┌──

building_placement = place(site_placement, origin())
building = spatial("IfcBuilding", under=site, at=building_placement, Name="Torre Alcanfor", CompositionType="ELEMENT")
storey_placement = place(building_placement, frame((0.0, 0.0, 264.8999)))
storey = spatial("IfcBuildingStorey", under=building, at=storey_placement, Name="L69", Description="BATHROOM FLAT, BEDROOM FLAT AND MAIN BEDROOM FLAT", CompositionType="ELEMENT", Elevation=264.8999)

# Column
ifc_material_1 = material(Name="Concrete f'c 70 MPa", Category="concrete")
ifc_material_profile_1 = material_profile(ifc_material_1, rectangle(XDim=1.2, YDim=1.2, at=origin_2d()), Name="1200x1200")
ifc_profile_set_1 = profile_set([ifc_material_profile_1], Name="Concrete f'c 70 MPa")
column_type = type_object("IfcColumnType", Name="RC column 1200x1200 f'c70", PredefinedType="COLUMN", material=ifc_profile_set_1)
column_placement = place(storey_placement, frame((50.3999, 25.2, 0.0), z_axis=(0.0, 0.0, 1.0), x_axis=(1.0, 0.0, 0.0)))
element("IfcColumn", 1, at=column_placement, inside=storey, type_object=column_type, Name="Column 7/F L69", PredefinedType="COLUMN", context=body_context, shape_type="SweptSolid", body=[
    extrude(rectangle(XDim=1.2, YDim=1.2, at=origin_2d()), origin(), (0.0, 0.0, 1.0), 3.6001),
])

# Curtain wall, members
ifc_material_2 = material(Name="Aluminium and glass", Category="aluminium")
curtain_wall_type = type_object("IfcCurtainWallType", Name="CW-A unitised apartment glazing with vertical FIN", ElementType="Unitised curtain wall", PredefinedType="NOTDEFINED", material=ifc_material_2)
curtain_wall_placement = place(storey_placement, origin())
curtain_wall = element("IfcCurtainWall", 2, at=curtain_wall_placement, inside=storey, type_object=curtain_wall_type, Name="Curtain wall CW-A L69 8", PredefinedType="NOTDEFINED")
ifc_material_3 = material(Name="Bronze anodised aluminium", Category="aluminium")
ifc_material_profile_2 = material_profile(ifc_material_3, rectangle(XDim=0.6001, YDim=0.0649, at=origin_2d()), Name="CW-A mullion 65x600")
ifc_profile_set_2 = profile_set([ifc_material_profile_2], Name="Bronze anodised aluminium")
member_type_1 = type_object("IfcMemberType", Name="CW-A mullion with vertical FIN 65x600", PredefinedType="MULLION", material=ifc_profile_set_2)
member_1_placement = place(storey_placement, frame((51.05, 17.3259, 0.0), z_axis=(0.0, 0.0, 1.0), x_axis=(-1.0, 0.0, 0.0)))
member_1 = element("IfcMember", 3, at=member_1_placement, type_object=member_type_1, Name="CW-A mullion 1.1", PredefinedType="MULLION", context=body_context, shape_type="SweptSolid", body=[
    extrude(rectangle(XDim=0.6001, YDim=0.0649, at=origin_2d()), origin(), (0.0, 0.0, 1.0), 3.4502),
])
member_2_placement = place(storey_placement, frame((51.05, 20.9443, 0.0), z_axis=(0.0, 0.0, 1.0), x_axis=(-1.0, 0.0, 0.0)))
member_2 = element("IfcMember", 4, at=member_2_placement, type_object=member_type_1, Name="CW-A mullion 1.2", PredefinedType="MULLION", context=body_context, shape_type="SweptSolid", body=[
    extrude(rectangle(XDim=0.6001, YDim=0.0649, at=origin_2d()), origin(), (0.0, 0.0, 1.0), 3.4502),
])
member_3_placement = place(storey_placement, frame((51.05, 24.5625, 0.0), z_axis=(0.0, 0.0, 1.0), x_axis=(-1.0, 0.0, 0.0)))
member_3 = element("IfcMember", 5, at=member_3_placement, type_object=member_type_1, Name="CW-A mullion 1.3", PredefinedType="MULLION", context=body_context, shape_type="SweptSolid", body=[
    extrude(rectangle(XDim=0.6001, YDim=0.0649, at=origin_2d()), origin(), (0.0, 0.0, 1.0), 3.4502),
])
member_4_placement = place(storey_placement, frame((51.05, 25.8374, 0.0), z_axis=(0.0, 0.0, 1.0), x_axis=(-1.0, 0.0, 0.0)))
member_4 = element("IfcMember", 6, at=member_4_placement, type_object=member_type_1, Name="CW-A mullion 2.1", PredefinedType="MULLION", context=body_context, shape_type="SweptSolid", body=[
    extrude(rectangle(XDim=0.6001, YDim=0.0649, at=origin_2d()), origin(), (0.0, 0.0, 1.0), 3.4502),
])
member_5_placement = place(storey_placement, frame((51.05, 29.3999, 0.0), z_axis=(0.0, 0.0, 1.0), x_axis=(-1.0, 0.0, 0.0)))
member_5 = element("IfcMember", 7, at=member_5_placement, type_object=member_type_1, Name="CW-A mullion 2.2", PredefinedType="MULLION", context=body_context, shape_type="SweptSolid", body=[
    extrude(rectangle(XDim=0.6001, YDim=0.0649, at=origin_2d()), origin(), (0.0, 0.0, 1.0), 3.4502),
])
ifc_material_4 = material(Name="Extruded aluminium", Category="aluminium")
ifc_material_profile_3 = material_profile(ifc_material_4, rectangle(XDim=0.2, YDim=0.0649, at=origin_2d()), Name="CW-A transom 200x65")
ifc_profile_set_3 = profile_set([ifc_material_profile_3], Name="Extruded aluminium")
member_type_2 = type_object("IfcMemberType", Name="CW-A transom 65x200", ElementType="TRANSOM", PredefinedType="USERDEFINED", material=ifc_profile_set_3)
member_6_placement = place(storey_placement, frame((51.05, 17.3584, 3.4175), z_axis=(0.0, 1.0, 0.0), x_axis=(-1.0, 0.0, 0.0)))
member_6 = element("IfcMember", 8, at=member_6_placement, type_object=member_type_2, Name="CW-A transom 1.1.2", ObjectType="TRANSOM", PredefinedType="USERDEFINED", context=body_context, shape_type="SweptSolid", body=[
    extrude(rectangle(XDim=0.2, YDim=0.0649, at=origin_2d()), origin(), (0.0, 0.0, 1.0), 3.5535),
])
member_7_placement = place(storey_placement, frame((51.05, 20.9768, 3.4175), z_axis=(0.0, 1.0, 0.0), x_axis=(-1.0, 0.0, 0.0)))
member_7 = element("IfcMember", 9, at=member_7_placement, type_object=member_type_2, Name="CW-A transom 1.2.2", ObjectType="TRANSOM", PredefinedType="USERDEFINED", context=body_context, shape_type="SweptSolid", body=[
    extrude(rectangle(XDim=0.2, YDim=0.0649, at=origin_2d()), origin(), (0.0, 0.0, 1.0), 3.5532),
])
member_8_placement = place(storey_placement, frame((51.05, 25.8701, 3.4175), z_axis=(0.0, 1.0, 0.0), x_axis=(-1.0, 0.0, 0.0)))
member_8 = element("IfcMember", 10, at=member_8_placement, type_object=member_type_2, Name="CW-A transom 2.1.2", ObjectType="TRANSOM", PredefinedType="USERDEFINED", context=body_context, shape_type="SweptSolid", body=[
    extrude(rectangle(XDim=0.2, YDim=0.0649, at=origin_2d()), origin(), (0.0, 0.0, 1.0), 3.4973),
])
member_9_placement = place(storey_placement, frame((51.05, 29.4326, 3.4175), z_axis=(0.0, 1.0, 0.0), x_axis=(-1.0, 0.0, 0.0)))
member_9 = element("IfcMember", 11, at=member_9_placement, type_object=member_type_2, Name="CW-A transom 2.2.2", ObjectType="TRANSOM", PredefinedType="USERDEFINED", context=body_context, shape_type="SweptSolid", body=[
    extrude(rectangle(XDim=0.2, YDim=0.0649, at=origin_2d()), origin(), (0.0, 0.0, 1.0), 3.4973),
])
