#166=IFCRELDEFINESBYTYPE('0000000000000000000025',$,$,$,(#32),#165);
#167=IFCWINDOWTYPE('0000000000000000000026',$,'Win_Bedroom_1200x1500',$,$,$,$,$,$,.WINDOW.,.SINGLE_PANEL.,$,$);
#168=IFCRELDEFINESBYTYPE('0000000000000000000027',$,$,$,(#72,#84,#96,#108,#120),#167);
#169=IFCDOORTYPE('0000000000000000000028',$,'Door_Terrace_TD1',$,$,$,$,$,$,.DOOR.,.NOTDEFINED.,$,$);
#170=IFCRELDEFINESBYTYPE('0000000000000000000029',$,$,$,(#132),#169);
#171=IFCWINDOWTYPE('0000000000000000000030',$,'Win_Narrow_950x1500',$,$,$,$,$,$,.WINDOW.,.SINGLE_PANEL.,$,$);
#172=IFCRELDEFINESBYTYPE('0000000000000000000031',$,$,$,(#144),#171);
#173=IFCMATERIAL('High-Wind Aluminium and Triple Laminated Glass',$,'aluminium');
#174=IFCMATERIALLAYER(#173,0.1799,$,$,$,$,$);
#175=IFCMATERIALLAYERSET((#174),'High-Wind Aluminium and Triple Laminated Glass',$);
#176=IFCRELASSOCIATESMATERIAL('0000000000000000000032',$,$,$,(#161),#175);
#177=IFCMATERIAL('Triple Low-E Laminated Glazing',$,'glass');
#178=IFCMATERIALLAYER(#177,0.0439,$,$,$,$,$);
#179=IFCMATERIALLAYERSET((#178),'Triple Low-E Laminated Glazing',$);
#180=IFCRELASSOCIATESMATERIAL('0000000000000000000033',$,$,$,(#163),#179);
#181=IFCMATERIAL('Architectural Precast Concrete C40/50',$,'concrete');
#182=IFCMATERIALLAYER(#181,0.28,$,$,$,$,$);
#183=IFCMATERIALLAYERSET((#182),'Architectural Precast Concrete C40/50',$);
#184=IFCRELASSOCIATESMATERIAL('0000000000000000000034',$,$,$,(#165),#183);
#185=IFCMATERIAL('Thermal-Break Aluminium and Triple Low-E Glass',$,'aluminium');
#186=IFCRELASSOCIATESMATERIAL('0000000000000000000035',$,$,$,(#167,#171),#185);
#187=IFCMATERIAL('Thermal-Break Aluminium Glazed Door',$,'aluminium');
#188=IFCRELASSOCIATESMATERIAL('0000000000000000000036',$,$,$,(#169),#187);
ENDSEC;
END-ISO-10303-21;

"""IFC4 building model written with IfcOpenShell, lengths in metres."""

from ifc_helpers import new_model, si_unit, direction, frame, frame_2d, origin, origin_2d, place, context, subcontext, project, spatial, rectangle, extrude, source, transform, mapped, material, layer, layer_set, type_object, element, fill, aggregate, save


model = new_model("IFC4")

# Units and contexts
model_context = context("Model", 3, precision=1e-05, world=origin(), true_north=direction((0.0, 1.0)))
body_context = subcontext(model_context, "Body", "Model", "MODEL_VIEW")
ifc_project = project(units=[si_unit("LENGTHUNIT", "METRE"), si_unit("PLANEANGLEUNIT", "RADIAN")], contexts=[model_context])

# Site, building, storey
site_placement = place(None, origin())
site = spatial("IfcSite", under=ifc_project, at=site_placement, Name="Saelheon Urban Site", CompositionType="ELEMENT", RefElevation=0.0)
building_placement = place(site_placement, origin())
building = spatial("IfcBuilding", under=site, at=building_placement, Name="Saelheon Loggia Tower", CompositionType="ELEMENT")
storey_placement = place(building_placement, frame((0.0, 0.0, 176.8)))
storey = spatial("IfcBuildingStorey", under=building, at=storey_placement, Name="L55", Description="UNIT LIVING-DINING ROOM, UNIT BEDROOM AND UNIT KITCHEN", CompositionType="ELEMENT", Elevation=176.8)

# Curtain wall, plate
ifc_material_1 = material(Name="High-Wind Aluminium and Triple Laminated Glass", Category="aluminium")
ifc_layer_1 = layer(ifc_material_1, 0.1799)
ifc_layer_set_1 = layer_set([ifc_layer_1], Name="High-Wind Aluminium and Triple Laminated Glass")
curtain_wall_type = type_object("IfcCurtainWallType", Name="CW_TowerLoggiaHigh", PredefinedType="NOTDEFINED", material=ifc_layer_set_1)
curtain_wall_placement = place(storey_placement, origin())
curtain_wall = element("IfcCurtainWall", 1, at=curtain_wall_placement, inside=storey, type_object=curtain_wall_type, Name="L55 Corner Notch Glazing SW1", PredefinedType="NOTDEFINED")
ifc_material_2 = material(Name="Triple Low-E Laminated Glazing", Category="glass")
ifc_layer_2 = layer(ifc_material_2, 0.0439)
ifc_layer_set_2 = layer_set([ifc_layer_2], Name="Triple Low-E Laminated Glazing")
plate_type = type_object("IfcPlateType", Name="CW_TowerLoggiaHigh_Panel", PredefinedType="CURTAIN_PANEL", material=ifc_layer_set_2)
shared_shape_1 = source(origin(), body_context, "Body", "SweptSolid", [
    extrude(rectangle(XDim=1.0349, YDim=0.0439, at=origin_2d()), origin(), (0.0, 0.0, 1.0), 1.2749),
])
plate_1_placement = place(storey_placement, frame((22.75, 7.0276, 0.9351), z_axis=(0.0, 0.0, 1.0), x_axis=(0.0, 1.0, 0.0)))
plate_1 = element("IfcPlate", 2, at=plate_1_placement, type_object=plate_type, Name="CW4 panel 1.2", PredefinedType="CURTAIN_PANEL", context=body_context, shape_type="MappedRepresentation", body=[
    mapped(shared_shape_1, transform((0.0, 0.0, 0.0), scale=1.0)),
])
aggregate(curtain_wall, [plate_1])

└──

* Task details: Each line of the data that contains "IfcMemberType" belongs in the answer.

* Result of this task:
member_type_1 = type_object("IfcMemberType", Name="CW-A mullion with vertical FIN 65x600", PredefinedType="MULLION", material=ifc_profile_set_2)
member_type_2 = type_object("IfcMemberType", Name="CW-A transom 65x200", ElementType="TRANSOM", PredefinedType="USERDEFINED", material=ifc_profile_set_3)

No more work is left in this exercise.